(PROVIDED RECORDS)

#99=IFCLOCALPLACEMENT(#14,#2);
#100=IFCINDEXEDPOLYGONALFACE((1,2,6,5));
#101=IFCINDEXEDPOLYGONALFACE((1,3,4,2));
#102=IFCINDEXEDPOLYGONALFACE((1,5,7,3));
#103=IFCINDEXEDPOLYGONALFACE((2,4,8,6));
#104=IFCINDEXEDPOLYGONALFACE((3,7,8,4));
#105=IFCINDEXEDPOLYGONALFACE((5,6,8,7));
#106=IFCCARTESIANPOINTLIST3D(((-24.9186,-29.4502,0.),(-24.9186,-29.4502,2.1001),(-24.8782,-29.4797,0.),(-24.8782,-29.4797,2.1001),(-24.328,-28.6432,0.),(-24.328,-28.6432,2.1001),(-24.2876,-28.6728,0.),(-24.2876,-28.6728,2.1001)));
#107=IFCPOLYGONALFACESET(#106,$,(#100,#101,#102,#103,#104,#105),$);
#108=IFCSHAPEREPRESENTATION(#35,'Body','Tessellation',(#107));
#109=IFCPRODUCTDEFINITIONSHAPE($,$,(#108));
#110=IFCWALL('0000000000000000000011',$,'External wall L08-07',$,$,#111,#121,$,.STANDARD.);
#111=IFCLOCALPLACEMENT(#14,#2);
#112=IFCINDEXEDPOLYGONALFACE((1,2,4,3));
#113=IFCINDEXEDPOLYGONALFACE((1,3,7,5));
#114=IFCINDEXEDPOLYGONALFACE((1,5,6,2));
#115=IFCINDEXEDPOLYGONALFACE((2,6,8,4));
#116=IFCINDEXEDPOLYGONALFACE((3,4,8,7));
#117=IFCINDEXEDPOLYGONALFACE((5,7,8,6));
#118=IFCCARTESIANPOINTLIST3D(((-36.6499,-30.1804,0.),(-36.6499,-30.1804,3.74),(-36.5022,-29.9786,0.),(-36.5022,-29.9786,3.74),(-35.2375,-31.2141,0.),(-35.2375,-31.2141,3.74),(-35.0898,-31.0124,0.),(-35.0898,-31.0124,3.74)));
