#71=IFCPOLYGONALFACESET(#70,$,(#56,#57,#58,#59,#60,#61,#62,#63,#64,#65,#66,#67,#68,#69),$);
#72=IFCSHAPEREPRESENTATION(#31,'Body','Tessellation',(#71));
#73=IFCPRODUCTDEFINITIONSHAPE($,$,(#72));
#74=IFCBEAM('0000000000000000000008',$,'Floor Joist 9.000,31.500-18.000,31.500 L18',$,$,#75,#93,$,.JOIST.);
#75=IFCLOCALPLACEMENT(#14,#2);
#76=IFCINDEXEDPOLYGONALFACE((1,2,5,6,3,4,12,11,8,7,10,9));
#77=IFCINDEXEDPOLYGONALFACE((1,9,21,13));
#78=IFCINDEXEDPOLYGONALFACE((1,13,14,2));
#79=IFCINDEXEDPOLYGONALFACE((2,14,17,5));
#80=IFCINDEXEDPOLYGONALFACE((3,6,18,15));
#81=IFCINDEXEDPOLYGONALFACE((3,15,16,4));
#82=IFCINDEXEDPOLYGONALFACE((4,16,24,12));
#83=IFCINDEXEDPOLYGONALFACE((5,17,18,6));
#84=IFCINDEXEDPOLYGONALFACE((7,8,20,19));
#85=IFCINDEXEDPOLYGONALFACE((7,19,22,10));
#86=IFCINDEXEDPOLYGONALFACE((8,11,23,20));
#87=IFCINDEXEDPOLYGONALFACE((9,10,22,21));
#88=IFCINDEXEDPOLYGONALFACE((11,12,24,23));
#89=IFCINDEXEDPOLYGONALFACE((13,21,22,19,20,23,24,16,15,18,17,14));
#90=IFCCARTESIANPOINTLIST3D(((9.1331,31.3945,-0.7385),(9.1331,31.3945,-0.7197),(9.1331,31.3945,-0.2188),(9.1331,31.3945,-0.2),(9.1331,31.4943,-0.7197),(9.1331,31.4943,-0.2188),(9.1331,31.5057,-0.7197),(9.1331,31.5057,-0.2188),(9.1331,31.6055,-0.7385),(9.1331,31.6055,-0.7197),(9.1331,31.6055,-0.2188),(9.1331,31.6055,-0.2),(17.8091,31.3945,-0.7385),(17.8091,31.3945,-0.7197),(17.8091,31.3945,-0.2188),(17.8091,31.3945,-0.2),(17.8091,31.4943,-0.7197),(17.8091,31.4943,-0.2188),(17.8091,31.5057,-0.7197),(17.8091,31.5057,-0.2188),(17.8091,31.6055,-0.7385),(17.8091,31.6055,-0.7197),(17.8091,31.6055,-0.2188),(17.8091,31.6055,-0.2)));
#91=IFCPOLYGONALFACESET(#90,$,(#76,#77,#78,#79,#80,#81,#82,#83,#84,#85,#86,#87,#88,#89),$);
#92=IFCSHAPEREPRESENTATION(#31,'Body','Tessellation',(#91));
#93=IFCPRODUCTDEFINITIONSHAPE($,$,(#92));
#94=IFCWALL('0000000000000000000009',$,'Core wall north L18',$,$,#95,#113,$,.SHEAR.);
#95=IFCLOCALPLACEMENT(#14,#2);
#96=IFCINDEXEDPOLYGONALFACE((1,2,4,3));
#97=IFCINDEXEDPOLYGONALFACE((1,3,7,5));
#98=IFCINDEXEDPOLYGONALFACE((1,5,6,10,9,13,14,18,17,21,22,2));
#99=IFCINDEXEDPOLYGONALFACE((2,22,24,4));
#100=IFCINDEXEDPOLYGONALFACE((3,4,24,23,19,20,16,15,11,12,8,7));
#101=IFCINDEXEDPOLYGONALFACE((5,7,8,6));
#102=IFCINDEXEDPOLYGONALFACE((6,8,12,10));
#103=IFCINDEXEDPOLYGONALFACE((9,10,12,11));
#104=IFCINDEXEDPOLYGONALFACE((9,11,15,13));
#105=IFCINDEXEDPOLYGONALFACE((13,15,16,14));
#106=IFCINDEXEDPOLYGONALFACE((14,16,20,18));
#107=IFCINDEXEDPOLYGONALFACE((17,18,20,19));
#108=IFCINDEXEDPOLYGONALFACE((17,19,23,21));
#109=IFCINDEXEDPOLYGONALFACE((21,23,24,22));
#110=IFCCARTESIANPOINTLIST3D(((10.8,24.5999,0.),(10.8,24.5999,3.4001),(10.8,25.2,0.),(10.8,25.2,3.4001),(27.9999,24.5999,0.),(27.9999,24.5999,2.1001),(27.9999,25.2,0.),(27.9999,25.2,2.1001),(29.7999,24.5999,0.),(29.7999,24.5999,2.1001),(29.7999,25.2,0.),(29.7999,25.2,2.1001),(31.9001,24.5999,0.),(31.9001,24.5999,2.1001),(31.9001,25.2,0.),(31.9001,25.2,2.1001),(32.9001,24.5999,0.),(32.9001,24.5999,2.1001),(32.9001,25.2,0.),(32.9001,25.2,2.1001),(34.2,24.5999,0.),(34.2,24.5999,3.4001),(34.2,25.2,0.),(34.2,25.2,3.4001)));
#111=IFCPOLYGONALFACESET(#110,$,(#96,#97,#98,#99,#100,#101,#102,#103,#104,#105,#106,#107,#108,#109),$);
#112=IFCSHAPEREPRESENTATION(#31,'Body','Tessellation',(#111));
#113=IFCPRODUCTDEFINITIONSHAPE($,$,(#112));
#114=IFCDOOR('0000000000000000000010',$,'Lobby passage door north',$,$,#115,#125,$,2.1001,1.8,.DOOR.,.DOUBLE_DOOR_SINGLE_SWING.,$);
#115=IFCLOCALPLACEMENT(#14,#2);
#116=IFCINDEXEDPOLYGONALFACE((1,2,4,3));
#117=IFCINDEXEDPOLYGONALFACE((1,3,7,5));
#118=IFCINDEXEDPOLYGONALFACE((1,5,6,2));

(End PROVIDED RECORDS)
(PROVIDED RECORDS)

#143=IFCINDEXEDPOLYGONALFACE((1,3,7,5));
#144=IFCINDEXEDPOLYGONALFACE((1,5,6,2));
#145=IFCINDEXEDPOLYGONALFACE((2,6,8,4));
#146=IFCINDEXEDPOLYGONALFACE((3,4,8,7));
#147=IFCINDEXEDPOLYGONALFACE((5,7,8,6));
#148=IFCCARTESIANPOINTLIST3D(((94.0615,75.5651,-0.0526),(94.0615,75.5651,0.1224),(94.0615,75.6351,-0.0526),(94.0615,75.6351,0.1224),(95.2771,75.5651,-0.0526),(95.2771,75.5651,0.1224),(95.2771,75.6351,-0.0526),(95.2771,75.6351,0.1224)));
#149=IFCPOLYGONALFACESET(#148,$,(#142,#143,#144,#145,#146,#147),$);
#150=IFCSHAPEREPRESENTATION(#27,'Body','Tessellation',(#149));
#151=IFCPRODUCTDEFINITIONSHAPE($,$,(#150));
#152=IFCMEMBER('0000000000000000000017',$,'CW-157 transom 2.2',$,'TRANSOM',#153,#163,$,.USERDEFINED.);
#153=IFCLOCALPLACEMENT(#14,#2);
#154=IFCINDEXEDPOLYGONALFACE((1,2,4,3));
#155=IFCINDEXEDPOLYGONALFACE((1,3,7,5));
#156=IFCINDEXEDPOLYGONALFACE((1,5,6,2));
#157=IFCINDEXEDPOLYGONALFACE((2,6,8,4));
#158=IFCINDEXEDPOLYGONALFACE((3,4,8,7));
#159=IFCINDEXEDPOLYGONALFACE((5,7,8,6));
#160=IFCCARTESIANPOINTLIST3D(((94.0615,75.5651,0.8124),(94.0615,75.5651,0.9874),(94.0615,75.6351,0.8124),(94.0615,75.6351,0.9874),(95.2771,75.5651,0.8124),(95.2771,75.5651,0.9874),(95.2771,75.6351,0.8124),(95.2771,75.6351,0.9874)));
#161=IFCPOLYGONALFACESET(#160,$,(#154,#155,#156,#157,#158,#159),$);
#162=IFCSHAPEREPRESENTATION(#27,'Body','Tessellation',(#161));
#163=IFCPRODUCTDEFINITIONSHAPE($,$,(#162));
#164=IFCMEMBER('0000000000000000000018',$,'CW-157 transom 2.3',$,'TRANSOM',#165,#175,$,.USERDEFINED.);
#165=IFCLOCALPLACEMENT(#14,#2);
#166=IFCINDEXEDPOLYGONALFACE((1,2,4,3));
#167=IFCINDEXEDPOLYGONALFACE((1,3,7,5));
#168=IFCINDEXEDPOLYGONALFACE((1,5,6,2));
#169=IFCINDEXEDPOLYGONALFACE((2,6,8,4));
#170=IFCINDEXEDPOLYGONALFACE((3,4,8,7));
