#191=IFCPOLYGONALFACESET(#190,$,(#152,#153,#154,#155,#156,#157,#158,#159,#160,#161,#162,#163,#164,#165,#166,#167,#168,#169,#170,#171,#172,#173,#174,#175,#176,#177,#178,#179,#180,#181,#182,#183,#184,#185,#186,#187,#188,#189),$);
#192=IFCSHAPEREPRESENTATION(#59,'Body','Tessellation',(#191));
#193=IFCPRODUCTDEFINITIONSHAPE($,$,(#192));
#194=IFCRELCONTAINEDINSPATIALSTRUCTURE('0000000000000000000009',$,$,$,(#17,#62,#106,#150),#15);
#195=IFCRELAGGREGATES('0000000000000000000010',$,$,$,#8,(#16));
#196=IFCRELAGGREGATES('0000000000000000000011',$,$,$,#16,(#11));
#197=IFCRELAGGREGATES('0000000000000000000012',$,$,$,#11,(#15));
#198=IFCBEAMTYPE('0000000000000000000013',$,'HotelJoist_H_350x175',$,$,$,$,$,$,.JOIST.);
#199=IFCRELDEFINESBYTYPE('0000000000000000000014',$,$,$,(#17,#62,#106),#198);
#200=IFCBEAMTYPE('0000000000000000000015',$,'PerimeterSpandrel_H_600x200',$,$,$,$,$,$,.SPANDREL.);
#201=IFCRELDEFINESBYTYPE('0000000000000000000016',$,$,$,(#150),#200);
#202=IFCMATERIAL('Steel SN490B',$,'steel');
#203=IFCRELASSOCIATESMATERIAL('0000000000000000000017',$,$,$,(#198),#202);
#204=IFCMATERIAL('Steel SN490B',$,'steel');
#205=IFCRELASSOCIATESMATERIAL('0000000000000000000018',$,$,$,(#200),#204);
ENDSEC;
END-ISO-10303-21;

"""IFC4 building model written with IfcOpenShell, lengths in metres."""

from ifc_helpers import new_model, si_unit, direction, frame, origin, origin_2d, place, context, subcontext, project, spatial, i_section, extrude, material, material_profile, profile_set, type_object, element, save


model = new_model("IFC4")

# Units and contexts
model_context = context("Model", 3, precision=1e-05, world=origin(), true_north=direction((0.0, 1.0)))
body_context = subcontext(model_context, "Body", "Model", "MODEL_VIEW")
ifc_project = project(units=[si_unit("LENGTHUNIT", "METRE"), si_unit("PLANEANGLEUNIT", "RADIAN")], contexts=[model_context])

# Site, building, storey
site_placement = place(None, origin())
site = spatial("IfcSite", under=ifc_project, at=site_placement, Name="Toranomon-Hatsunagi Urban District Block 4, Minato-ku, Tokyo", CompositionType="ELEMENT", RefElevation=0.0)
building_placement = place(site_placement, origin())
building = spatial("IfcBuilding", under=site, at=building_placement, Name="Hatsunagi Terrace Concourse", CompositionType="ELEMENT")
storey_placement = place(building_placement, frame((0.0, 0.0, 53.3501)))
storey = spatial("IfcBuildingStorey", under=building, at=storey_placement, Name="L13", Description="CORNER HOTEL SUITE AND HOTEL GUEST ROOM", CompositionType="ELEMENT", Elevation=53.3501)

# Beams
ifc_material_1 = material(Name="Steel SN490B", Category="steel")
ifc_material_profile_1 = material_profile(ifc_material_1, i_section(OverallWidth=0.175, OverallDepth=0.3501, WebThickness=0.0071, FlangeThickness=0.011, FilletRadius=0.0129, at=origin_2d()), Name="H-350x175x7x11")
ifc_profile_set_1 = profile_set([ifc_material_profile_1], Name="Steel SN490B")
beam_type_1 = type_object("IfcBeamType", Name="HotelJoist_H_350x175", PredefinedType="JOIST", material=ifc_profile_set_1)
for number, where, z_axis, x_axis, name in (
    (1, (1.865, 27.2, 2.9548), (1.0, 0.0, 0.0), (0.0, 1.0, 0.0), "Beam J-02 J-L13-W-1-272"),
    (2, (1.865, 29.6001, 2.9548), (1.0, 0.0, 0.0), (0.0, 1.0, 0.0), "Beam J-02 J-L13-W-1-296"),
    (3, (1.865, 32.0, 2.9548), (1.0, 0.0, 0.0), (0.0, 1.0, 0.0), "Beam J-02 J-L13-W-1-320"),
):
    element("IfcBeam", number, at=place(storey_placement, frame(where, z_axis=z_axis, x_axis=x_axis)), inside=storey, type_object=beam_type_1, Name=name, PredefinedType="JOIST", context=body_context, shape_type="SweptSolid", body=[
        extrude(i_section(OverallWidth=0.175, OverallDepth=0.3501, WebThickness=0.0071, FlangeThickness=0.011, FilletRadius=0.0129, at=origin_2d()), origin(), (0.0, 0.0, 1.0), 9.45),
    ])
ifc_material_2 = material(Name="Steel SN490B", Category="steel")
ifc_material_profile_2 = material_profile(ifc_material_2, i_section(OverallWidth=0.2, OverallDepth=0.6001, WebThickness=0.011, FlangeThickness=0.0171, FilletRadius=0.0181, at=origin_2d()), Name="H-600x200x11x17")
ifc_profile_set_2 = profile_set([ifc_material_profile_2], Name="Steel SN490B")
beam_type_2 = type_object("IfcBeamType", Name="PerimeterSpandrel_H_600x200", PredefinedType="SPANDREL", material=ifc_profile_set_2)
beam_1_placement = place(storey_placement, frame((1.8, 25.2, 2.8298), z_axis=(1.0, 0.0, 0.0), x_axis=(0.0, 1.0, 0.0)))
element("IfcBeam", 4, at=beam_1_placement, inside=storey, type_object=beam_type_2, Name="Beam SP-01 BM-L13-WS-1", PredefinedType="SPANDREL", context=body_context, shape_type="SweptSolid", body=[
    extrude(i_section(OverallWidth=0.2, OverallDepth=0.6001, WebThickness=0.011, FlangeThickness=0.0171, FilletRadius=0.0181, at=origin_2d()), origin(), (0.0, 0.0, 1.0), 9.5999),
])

(End PROVIDED RECORDS)
(PROVIDED RECORDS)

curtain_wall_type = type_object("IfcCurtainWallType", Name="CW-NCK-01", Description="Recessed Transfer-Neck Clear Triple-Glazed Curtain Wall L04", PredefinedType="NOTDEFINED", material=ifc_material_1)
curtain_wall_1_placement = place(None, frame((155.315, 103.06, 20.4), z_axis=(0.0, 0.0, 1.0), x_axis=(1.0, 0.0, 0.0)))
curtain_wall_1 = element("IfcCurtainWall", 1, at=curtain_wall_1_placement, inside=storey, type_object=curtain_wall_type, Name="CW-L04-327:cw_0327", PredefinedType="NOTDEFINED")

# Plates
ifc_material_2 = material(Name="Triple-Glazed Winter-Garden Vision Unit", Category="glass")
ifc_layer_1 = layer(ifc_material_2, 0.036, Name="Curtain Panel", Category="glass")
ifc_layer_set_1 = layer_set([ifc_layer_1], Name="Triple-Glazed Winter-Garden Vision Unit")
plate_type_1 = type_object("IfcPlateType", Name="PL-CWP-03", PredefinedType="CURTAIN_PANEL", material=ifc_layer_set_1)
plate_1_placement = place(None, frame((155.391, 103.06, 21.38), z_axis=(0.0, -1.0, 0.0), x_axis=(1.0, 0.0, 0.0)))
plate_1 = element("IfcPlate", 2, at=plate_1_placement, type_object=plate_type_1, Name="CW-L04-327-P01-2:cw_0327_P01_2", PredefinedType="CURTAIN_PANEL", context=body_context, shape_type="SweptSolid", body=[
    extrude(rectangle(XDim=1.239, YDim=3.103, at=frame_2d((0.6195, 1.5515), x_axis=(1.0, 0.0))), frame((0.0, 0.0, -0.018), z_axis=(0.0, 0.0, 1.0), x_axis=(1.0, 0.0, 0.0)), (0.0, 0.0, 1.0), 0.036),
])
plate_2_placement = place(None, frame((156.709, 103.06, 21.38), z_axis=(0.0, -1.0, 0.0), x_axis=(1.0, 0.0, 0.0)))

(End PROVIDED RECORDS)

#### THE TASK:
For each line of the entries that includes "IFCRELAGGREGATES", show that line.

#### EXPECTED OUTPUT:
#195=IFCRELAGGREGATES('0000000000000000000010',$,$,$,#8,(#16));
#196=IFCRELAGGREGATES('0000000000000000000011',$,$,$,#16,(#11));
#197=IFCRELAGGREGATES('0000000000000000000012',$,$,$,#11,(#15));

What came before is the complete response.